MATERIAL SUPPLIED section start
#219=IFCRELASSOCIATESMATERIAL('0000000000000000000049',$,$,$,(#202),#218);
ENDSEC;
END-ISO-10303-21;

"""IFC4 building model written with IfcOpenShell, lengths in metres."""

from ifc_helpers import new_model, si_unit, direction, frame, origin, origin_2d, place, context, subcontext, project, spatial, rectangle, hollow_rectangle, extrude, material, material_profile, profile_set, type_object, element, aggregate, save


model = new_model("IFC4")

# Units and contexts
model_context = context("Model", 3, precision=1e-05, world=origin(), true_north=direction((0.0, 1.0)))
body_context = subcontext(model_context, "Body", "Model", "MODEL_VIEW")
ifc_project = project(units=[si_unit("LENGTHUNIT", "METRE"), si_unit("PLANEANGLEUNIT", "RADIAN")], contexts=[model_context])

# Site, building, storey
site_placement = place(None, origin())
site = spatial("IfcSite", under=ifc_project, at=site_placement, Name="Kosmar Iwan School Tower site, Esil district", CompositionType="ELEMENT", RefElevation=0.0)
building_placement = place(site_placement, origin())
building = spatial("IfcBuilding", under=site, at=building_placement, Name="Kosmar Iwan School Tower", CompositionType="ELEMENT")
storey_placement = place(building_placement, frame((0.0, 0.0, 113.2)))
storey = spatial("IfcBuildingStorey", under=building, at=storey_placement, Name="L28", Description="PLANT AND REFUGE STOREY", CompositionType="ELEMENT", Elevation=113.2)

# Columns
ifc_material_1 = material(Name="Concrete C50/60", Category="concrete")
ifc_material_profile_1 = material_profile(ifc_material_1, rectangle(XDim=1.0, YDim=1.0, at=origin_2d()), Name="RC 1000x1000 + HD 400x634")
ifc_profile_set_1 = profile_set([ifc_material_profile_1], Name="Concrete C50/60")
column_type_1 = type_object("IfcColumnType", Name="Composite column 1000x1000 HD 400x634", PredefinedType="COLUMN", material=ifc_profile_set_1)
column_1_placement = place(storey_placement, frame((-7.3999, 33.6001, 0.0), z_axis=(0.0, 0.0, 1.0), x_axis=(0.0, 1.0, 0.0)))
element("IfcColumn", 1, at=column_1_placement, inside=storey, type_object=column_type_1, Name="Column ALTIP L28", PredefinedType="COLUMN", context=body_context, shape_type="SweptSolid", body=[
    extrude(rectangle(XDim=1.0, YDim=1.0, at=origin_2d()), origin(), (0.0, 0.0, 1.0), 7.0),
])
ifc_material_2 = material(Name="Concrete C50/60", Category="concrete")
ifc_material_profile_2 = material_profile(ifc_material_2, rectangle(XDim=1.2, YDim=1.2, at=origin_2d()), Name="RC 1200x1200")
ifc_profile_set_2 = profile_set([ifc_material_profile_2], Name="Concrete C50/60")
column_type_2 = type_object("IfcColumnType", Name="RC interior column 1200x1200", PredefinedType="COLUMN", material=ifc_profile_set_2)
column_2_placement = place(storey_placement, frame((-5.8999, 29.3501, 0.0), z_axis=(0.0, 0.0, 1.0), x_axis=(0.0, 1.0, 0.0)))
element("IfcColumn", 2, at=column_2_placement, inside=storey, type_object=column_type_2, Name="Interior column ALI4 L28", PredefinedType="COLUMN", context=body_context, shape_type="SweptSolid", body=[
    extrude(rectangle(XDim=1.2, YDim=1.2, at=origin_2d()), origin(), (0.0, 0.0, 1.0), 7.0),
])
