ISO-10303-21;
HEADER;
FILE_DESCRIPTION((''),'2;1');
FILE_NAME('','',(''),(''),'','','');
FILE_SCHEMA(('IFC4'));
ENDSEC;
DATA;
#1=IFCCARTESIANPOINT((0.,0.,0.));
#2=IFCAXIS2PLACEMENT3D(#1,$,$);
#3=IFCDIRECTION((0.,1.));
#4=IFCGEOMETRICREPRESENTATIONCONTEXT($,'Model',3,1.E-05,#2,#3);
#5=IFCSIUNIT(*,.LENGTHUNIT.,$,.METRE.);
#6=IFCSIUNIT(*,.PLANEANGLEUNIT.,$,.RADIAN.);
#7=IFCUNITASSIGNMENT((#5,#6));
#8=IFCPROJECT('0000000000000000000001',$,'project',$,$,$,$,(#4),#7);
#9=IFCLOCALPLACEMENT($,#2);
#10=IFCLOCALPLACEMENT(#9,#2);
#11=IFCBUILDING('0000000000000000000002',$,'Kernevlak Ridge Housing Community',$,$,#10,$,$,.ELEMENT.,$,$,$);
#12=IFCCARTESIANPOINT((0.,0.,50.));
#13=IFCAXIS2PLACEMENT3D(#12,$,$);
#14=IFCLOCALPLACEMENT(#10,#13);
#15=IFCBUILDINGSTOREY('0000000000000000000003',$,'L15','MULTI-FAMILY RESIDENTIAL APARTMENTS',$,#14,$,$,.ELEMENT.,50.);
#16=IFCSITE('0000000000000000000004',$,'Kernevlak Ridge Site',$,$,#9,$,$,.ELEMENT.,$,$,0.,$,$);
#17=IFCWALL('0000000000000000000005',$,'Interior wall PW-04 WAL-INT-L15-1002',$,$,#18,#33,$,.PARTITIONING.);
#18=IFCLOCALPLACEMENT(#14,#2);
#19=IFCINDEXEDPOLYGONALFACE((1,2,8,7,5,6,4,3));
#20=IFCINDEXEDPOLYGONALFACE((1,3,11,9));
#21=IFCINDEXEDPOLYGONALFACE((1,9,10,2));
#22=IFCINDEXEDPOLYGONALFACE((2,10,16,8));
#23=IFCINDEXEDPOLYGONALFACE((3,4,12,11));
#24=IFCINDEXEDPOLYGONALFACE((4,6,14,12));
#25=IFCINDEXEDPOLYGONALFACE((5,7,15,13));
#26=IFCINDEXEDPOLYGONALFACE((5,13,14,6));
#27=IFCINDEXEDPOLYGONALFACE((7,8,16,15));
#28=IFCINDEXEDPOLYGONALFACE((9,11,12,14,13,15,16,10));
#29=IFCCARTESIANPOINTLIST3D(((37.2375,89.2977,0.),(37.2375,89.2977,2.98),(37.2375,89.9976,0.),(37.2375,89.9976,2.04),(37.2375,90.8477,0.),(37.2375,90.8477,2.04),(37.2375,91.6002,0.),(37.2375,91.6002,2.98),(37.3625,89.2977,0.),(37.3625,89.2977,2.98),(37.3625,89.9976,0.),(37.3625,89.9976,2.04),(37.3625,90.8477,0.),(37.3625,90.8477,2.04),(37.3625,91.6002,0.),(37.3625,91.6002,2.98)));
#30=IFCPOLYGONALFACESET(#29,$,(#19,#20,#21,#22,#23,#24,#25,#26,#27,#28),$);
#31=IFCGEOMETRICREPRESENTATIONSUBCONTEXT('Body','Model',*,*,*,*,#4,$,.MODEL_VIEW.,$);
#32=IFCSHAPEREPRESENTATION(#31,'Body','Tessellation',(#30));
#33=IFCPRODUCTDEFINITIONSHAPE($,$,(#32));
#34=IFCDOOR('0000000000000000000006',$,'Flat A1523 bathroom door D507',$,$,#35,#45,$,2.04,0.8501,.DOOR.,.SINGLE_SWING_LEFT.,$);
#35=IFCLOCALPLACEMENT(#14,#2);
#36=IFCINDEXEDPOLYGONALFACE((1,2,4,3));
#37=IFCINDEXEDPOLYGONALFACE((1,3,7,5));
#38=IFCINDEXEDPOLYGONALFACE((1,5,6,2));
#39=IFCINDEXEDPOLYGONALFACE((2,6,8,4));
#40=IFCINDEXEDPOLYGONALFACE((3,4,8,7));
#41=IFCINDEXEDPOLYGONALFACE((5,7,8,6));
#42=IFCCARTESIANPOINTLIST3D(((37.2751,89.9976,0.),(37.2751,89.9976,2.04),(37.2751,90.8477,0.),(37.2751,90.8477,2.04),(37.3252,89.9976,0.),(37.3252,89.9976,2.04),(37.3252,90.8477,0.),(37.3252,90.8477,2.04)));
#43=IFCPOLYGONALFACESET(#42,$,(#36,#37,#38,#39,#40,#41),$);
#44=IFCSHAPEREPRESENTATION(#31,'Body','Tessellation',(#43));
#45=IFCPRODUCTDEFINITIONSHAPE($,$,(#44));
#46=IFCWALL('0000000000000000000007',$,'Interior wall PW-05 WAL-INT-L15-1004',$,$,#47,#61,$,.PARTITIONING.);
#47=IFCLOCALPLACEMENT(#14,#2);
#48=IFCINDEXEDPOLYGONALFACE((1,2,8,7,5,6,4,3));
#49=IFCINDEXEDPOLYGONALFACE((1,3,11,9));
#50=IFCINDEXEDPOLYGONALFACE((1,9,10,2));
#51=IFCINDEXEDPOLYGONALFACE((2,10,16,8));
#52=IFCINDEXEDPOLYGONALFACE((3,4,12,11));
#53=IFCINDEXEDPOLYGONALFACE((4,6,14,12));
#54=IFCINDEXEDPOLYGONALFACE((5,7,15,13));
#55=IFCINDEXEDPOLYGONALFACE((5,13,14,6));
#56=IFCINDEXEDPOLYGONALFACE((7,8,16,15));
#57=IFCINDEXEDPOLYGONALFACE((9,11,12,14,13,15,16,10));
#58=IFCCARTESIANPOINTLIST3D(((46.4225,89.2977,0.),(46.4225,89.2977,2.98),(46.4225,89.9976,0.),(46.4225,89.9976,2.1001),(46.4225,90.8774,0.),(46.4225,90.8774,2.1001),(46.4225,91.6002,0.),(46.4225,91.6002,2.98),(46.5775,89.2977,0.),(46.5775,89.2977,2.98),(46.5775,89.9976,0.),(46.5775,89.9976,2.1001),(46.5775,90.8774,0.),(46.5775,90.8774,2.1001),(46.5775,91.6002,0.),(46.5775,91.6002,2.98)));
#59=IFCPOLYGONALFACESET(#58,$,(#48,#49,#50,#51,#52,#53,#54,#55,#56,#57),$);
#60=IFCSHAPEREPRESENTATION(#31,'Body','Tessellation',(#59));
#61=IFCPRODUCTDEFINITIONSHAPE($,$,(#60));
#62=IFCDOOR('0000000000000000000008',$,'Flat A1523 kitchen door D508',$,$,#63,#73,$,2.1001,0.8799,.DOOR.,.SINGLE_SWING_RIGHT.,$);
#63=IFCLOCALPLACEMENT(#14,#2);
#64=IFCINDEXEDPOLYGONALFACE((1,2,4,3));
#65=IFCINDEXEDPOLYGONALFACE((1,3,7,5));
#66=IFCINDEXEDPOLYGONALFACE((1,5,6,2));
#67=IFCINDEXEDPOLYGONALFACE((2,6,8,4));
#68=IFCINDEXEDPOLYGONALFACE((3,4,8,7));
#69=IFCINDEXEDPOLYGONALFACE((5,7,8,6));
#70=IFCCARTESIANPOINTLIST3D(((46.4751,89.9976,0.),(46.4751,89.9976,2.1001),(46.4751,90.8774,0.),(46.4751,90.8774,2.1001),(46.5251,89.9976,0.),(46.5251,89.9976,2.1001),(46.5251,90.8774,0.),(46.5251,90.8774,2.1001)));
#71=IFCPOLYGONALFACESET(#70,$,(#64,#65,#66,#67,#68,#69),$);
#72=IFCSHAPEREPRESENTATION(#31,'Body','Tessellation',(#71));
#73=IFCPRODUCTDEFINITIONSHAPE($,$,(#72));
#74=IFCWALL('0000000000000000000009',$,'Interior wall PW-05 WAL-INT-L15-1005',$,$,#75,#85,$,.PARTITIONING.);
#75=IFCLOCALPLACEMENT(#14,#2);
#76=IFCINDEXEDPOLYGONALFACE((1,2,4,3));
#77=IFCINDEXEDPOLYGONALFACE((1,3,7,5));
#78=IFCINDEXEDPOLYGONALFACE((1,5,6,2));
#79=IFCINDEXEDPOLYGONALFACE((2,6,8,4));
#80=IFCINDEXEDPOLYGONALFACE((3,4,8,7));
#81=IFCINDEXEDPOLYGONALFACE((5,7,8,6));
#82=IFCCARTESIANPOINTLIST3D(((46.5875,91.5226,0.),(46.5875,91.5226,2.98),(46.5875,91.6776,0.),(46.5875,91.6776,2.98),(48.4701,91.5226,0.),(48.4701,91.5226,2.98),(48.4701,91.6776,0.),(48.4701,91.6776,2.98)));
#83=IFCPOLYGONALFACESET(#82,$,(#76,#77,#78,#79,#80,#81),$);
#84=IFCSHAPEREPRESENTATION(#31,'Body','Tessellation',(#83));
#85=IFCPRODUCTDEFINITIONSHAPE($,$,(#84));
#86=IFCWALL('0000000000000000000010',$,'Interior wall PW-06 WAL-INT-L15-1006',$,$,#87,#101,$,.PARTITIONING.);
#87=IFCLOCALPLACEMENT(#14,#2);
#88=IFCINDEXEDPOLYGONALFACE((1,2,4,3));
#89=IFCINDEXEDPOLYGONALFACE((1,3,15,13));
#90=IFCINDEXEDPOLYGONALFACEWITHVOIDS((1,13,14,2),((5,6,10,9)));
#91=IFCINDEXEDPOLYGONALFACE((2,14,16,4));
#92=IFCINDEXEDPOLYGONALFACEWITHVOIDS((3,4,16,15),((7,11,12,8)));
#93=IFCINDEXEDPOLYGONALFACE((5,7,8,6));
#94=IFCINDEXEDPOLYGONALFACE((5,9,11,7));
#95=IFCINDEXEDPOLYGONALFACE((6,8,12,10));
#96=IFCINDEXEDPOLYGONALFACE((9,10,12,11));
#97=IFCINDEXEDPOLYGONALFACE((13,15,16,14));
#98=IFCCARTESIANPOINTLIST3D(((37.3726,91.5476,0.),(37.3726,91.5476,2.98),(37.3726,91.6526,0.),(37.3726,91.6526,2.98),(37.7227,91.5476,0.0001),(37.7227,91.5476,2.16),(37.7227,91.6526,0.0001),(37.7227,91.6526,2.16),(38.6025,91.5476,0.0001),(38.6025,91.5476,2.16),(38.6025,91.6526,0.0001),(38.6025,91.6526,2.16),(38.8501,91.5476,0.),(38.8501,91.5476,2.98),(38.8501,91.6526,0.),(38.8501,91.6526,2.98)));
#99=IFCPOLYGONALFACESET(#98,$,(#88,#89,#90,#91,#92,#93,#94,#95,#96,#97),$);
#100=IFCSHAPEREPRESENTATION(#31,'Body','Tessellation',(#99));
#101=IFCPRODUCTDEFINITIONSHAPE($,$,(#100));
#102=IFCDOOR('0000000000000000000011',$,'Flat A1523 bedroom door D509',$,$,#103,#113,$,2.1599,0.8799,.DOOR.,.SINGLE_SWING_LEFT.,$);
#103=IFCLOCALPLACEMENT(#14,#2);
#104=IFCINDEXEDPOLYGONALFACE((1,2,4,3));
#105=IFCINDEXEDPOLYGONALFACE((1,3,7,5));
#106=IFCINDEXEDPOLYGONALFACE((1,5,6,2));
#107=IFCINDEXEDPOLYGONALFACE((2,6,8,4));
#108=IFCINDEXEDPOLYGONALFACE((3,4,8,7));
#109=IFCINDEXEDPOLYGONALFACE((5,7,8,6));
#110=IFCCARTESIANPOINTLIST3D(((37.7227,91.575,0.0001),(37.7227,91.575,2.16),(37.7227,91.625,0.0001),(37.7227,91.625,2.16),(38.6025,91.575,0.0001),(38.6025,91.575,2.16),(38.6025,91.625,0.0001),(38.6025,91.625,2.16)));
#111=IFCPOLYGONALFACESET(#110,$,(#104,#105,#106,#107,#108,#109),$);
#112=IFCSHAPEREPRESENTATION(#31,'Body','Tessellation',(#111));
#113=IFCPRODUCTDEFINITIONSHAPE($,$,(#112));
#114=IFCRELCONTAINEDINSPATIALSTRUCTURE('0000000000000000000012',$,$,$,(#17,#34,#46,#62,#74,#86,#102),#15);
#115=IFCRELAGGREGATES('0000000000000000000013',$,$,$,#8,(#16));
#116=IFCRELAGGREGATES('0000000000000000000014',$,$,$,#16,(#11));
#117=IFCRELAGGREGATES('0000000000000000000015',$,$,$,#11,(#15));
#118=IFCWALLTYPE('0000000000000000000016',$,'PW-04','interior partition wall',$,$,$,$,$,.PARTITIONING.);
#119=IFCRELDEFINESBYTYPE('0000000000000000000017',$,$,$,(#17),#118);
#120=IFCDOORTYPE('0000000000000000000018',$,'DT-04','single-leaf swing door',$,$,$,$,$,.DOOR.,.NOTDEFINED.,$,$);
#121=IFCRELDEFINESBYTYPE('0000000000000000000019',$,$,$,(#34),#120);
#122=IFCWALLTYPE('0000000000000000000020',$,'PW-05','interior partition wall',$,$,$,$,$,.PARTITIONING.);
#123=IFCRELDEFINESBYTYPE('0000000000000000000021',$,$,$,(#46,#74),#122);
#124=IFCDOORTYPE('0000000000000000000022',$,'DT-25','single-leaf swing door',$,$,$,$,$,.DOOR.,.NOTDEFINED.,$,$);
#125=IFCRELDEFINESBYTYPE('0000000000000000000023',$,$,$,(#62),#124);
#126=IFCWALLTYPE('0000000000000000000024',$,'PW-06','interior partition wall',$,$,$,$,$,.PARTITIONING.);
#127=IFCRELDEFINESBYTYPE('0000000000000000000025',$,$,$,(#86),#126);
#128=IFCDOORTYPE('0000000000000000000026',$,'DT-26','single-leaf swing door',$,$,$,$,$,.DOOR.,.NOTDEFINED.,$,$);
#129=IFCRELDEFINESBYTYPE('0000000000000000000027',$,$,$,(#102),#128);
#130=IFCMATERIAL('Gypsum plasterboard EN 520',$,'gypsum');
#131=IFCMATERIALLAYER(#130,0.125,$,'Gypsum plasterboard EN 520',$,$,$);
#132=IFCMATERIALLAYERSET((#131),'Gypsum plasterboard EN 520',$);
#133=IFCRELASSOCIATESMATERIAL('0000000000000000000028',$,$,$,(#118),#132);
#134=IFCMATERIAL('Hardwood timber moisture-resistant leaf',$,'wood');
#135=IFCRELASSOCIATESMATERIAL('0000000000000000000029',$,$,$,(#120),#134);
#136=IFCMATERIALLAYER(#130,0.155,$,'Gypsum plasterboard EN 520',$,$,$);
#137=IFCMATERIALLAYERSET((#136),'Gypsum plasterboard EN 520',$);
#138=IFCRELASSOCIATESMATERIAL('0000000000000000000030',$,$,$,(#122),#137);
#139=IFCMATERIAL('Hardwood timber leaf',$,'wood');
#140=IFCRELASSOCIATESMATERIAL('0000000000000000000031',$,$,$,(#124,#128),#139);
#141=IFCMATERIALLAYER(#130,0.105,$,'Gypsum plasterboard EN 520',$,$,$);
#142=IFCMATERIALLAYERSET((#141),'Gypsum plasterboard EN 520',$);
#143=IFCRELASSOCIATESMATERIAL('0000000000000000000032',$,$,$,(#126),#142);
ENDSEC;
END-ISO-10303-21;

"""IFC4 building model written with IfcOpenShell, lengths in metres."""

from ifc_helpers import new_model, si_unit, direction, frame, frame_2d, origin, place, context, subcontext, project, spatial, rectangle, extrude, material, layer, layer_set, type_object, element, fill, save


model = new_model("IFC4")

# Units and contexts
model_context = context("Model", 3, precision=1e-05, world=origin(), true_north=direction((0.0, 1.0)))
body_context = subcontext(model_context, "Body", "Model", "MODEL_VIEW")
ifc_project = project(units=[si_unit("LENGTHUNIT", "METRE"), si_unit("PLANEANGLEUNIT", "RADIAN")], contexts=[model_context])

# Site, building, storey
site_placement = place(None, origin())
site = spatial("IfcSite", under=ifc_project, at=site_placement, Name="Kernevlak Ridge Site", CompositionType="ELEMENT", RefElevation=0.0)
building_placement = place(site_placement, origin())
building = spatial("IfcBuilding", under=site, at=building_placement, Name="Kernevlak Ridge Housing Community", CompositionType="ELEMENT")
storey_placement = place(building_placement, frame((0.0, 0.0, 50.0)))
storey = spatial("IfcBuildingStorey", under=building, at=storey_placement, Name="L15", Description="MULTI-FAMILY RESIDENTIAL APARTMENTS", CompositionType="ELEMENT", Elevation=50.0)

# Walls, openings, doors
ifc_material_1 = material(Name="Gypsum plasterboard EN 520", Category="gypsum")
ifc_layer_1 = layer(ifc_material_1, 0.125, Name="Gypsum plasterboard EN 520")
ifc_layer_set_1 = layer_set([ifc_layer_1], Name="Gypsum plasterboard EN 520")
wall_type_1 = type_object("IfcWallType", Name="PW-04", Description="interior partition wall", PredefinedType="PARTITIONING", material=ifc_layer_set_1)
wall_1_placement = place(storey_placement, frame((37.3, 89.2976, 0.0), z_axis=(0.0, 0.0, 1.0), x_axis=(0.0, 1.0, 0.0)))
wall_1 = element("IfcWall", 1, at=wall_1_placement, inside=storey, type_object=wall_type_1, Name="Interior wall PW-04 WAL-INT-L15-1002", PredefinedType="PARTITIONING", context=body_context, shape_type="SweptSolid", body=[
    extrude(rectangle(XDim=2.3025, YDim=0.125, at=frame_2d((1.1514, 0.0))), origin(), (0.0, 0.0, 1.0), 2.98),
])
opening_1_placement = place(wall_1_placement, frame((0.7, 0.0, 0.0)))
MATERIAL SUPPLIED section end
Look back at the entries above and repeat, unchanged, every line from the line holding "#35=IFCLOCALPLACEMENT(#14,#2);" through the line holding "#51=IFCINDEXEDPOLYGONALFACE((2,10,16,8));".

## YOUR RESPONSE
#35=IFCLOCALPLACEMENT(#14,#2);
#36=IFCINDEXEDPOLYGONALFACE((1,2,4,3));
#37=IFCINDEXEDPOLYGONALFACE((1,3,7,5));
#38=IFCINDEXEDPOLYGONALFACE((1,5,6,2));
#39=IFCINDEXEDPOLYGONALFACE((2,6,8,4));
#40=IFCINDEXEDPOLYGONALFACE((3,4,8,7));
#41=IFCINDEXEDPOLYGONALFACE((5,7,8,6));
#42=IFCCARTESIANPOINTLIST3D(((37.2751,89.9976,0.),(37.2751,89.9976,2.04),(37.2751,90.8477,0.),(37.2751,90.8477,2.04),(37.3252,89.9976,0.),(37.3252,89.9976,2.04),(37.3252,90.8477,0.),(37.3252,90.8477,2.04)));
#43=IFCPOLYGONALFACESET(#42,$,(#36,#37,#38,#39,#40,#41),$);
#44=IFCSHAPEREPRESENTATION(#31,'Body','Tessellation',(#43));
#45=IFCPRODUCTDEFINITIONSHAPE($,$,(#44));
#46=IFCWALL('0000000000000000000007',$,'Interior wall PW-05 WAL-INT-L15-1004',$,$,#47,#61,$,.PARTITIONING.);
#47=IFCLOCALPLACEMENT(#14,#2);
#48=IFCINDEXEDPOLYGONALFACE((1,2,8,7,5,6,4,3));
#49=IFCINDEXEDPOLYGONALFACE((1,3,11,9));
#50=IFCINDEXEDPOLYGONALFACE((1,9,10,2));
#51=IFCINDEXEDPOLYGONALFACE((2,10,16,8));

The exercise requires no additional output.